Given records below:

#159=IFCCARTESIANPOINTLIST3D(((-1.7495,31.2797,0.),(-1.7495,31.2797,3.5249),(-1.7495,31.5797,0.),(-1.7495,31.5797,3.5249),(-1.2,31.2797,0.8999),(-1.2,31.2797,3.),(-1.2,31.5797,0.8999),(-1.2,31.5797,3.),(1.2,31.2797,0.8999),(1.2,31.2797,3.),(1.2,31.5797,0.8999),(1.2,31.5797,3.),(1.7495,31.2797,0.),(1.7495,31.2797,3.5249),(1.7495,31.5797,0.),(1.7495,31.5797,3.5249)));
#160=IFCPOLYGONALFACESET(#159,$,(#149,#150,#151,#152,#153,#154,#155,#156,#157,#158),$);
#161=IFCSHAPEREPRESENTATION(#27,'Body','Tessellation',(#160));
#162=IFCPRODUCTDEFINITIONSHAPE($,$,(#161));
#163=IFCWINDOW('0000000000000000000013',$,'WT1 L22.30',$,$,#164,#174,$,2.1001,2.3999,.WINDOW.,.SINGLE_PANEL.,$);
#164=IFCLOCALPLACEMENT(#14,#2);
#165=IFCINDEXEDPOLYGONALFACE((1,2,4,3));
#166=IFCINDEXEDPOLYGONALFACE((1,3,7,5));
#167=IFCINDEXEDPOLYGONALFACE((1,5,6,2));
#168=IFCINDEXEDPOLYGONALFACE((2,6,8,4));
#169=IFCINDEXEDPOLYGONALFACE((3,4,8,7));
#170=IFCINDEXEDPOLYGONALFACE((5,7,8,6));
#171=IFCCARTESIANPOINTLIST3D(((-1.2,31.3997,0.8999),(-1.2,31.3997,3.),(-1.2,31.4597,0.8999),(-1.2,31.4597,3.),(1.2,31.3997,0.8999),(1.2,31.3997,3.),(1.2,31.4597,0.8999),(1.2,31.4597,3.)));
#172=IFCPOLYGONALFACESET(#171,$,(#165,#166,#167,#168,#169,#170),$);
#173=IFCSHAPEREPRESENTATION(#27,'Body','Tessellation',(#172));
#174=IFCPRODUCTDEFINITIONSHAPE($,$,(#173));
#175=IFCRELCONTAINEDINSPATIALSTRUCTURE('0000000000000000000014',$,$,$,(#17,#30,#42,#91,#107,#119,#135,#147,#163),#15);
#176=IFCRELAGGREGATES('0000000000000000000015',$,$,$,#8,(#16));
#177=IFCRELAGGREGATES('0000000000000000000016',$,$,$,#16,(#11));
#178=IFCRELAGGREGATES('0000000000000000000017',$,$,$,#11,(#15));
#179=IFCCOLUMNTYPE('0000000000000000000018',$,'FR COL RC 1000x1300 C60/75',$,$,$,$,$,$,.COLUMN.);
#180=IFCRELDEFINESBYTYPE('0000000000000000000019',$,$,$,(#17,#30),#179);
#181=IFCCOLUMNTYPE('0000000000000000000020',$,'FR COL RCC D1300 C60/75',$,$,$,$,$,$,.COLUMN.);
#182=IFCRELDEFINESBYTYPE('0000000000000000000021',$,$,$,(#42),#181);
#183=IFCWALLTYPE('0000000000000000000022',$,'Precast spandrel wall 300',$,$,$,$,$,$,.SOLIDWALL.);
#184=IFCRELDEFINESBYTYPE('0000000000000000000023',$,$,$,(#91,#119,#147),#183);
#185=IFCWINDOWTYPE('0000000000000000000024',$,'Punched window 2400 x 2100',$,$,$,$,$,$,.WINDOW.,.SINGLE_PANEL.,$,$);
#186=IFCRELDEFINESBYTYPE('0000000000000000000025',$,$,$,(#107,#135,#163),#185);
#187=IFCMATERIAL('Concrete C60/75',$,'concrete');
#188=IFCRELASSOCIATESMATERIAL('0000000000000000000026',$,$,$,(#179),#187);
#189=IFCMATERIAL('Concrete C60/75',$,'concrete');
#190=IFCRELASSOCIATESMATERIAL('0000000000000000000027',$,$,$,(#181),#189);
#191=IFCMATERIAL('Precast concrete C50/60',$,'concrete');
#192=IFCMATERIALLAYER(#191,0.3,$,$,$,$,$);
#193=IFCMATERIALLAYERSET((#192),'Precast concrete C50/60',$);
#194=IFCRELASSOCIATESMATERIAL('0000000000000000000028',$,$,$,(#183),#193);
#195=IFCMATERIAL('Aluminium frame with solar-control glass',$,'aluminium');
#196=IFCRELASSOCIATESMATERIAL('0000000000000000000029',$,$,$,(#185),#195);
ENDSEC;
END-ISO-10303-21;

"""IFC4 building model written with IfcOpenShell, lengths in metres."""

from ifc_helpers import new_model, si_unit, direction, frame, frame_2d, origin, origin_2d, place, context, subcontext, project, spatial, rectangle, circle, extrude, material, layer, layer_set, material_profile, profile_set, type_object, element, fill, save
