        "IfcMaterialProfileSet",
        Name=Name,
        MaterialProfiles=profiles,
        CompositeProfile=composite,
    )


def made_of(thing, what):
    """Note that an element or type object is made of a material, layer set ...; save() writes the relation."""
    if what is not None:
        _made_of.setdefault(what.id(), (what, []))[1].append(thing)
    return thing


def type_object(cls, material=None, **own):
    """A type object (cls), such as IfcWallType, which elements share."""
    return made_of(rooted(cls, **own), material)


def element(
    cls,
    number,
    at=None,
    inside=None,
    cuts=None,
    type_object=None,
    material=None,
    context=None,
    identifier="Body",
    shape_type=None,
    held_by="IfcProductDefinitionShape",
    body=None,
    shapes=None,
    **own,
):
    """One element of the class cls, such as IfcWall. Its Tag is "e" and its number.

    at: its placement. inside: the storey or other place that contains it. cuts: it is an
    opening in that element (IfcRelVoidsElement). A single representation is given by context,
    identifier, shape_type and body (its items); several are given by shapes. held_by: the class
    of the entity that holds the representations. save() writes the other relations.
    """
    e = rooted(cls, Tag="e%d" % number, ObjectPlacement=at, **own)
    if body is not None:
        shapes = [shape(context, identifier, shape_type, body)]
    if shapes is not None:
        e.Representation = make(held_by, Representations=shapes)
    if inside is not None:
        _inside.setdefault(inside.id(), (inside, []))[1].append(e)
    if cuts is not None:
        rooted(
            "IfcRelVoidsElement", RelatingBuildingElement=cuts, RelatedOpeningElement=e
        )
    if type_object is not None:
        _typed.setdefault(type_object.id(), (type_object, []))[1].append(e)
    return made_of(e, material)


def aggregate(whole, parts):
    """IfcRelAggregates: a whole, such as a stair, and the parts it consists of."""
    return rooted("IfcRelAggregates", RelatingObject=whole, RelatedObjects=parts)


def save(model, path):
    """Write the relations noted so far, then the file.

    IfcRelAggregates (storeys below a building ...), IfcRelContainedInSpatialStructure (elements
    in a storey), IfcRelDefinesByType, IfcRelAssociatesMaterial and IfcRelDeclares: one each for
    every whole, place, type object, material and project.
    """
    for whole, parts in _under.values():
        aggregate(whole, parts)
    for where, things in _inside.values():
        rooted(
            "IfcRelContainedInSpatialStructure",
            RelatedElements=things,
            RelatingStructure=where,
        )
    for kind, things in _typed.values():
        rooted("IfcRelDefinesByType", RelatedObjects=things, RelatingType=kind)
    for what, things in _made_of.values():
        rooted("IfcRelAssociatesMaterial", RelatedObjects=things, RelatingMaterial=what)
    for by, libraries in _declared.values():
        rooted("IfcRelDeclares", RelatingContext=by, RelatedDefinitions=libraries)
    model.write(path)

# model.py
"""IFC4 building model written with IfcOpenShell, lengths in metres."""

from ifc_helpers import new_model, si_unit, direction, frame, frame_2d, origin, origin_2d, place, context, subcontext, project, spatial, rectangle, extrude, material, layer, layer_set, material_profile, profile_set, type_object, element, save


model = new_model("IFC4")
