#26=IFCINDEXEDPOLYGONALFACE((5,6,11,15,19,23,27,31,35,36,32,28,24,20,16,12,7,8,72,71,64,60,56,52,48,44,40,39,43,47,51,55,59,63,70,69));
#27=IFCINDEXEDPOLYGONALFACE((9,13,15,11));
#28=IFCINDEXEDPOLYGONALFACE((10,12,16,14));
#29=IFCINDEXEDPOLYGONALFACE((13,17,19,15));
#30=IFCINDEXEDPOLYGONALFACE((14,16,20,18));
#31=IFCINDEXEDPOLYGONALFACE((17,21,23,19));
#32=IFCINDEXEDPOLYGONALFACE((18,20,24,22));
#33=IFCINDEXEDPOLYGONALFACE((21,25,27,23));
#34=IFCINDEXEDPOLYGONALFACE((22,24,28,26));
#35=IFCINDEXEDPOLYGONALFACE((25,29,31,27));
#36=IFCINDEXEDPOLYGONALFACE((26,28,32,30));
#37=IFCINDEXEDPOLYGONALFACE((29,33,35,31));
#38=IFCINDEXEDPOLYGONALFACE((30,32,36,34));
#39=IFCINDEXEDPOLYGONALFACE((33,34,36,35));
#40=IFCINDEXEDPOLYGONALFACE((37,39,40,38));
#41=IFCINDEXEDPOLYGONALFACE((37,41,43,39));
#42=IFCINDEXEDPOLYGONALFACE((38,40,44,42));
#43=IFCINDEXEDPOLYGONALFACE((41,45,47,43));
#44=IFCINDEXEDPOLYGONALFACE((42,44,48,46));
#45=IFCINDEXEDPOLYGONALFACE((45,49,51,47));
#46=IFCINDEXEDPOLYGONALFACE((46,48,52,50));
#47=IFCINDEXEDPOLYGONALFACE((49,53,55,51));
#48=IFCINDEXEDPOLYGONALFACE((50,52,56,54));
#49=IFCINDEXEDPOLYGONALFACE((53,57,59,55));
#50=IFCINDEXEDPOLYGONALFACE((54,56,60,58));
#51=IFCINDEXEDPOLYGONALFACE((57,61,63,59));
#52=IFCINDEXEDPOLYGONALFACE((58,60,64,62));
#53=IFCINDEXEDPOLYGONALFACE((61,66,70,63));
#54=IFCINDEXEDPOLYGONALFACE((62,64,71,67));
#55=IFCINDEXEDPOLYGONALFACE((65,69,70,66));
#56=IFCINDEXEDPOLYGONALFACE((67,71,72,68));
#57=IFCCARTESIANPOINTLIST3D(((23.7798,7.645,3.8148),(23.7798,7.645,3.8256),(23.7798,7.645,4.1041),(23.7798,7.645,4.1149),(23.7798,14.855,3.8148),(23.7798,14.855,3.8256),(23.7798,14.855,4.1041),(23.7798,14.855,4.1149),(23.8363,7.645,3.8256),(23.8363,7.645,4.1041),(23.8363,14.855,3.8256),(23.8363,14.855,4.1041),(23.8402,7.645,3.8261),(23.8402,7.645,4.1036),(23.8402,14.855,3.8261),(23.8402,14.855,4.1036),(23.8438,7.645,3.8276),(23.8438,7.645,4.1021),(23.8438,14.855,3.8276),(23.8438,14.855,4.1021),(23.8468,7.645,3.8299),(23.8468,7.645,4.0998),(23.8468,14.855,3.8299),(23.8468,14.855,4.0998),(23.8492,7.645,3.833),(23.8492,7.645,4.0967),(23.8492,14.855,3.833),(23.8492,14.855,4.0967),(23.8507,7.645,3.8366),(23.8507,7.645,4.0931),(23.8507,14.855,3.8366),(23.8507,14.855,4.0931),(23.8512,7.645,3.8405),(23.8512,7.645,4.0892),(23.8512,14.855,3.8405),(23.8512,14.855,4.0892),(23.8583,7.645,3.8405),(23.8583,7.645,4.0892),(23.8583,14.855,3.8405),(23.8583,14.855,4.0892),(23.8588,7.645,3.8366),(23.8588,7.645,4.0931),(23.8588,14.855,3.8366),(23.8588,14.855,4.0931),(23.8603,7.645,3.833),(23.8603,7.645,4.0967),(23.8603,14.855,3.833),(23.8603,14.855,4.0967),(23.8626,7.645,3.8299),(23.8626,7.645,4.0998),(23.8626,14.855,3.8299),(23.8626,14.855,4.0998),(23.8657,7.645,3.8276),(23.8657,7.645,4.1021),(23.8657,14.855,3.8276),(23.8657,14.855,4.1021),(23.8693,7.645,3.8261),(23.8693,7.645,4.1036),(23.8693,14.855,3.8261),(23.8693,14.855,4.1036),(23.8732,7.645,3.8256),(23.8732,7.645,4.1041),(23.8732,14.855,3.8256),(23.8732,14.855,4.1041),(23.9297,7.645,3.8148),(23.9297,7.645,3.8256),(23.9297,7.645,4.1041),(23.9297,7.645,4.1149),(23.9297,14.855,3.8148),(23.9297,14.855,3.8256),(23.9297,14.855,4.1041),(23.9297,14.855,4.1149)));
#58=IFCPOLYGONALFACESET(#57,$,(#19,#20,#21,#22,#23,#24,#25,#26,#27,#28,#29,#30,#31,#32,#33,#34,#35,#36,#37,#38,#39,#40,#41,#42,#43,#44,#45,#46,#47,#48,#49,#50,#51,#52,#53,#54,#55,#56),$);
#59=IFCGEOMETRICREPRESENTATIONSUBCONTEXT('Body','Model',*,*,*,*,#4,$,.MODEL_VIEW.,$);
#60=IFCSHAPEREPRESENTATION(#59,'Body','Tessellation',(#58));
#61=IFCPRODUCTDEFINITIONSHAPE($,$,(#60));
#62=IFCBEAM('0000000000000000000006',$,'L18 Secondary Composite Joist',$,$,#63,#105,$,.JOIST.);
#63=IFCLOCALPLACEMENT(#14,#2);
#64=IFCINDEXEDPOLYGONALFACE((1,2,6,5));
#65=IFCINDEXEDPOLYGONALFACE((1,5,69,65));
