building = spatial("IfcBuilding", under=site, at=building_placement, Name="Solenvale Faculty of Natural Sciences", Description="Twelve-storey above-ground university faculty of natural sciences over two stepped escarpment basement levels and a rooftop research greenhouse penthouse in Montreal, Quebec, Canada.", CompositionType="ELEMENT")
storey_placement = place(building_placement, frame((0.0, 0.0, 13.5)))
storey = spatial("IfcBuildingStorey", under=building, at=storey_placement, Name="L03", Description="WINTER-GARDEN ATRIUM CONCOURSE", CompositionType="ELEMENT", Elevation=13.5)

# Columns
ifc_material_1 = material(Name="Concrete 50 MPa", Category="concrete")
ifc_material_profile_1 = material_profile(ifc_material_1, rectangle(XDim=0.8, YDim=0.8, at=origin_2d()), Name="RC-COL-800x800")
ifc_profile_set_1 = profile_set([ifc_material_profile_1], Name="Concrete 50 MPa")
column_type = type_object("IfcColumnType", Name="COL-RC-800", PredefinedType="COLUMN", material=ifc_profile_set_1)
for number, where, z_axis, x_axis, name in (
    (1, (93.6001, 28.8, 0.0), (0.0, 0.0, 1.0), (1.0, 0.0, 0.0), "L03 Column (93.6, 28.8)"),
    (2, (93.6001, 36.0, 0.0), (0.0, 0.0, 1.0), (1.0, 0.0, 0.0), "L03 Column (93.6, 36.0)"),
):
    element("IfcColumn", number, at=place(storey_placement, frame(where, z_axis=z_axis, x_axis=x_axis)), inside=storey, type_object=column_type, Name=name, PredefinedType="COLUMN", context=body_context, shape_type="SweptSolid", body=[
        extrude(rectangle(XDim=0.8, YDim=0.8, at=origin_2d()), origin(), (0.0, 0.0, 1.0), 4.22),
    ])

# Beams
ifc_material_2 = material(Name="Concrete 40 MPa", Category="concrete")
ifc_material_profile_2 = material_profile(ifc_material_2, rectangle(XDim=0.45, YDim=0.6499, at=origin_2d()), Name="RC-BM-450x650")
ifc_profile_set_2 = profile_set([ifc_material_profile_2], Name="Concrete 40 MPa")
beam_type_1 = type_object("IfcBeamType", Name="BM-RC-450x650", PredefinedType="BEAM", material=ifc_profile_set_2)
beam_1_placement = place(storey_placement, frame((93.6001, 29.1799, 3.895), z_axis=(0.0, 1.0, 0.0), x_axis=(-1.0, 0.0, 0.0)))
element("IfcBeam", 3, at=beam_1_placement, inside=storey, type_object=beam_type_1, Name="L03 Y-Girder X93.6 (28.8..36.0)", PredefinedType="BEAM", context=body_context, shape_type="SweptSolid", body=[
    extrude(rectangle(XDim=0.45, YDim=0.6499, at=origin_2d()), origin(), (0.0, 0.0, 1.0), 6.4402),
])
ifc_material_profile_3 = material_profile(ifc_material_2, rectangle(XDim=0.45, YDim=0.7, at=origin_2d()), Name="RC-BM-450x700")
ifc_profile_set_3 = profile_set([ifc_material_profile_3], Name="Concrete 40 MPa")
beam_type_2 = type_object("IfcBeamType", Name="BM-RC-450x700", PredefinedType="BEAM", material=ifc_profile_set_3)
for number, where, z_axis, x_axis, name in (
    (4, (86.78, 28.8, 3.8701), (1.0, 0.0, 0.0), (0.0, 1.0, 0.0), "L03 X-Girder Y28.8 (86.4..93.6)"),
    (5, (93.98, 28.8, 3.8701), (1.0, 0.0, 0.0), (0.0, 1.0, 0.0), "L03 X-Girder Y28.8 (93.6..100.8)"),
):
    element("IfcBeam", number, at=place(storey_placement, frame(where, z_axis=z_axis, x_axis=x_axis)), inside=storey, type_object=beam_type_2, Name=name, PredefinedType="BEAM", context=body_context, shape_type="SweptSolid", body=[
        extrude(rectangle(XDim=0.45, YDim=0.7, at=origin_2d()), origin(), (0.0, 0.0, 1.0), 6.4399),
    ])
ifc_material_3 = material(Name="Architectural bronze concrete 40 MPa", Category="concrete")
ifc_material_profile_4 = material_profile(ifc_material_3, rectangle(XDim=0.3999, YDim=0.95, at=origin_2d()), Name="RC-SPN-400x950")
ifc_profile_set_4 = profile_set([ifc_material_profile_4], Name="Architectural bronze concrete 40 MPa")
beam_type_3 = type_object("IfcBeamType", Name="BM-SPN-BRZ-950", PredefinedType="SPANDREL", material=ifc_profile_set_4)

End of Given records.

### Work item
Please give again the lines above between the line holding "2400 x 2100',$,$,$,$,$,$,.WINDOW.,.SINGLE_PANEL.,$,$);" and the line holding "and its number.", inclusive, exactly as they are and with nothing added.

### Task response
#185=IFCWINDOWTYPE('0000000000000000000024',$,'Punched window 2400 x 2100',$,$,$,$,$,$,.WINDOW.,.SINGLE_PANEL.,$,$);
#186=IFCRELDEFINESBYTYPE('0000000000000000000025',$,$,$,(#107,#135,#163),#185);
#187=IFCMATERIAL('Concrete C60/75',$,'concrete');
#188=IFCRELASSOCIATESMATERIAL('0000000000000000000026',$,$,$,(#179),#187);
#189=IFCMATERIAL('Concrete C60/75',$,'concrete');
#190=IFCRELASSOCIATESMATERIAL('0000000000000000000027',$,$,$,(#181),#189);
#191=IFCMATERIAL('Precast concrete C50/60',$,'concrete');
#192=IFCMATERIALLAYER(#191,0.3,$,$,$,$,$);
#193=IFCMATERIALLAYERSET((#192),'Precast concrete C50/60',$);
#194=IFCRELASSOCIATESMATERIAL('0000000000000000000028',$,$,$,(#183),#193);
#195=IFCMATERIAL('Aluminium frame with solar-control glass',$,'aluminium');
#196=IFCRELASSOCIATESMATERIAL('0000000000000000000029',$,$,$,(#185),#195);
ENDSEC;
END-ISO-10303-21;

"""IFC4 building model written with IfcOpenShell, lengths in metres."""

from ifc_helpers import new_model, si_unit, direction, frame, frame_2d, origin, origin_2d, place, context, subcontext, project, spatial, rectangle, circle, extrude, material, layer, layer_set, material_profile, profile_set, type_object, element, fill, save
        "IfcMaterialProfileSet",
        Name=Name,
        MaterialProfiles=profiles,
        CompositeProfile=composite,
    )


def made_of(thing, what):
    """Note that an element or type object is made of a material, layer set ...; save() writes the relation."""
    if what is not None:
        _made_of.setdefault(what.id(), (what, []))[1].append(thing)
    return thing


def type_object(cls, material=None, **own):
    """A type object (cls), such as IfcWallType, which elements share."""
    return made_of(rooted(cls, **own), material)


def element(
    cls,
    number,
    at=None,
    inside=None,
    cuts=None,
    type_object=None,
    material=None,
    context=None,
    identifier="Body",
    shape_type=None,
    held_by="IfcProductDefinitionShape",
    body=None,
    shapes=None,
    **own,
):
    """One element of the class cls, such as IfcWall. Its Tag is "e" and its number.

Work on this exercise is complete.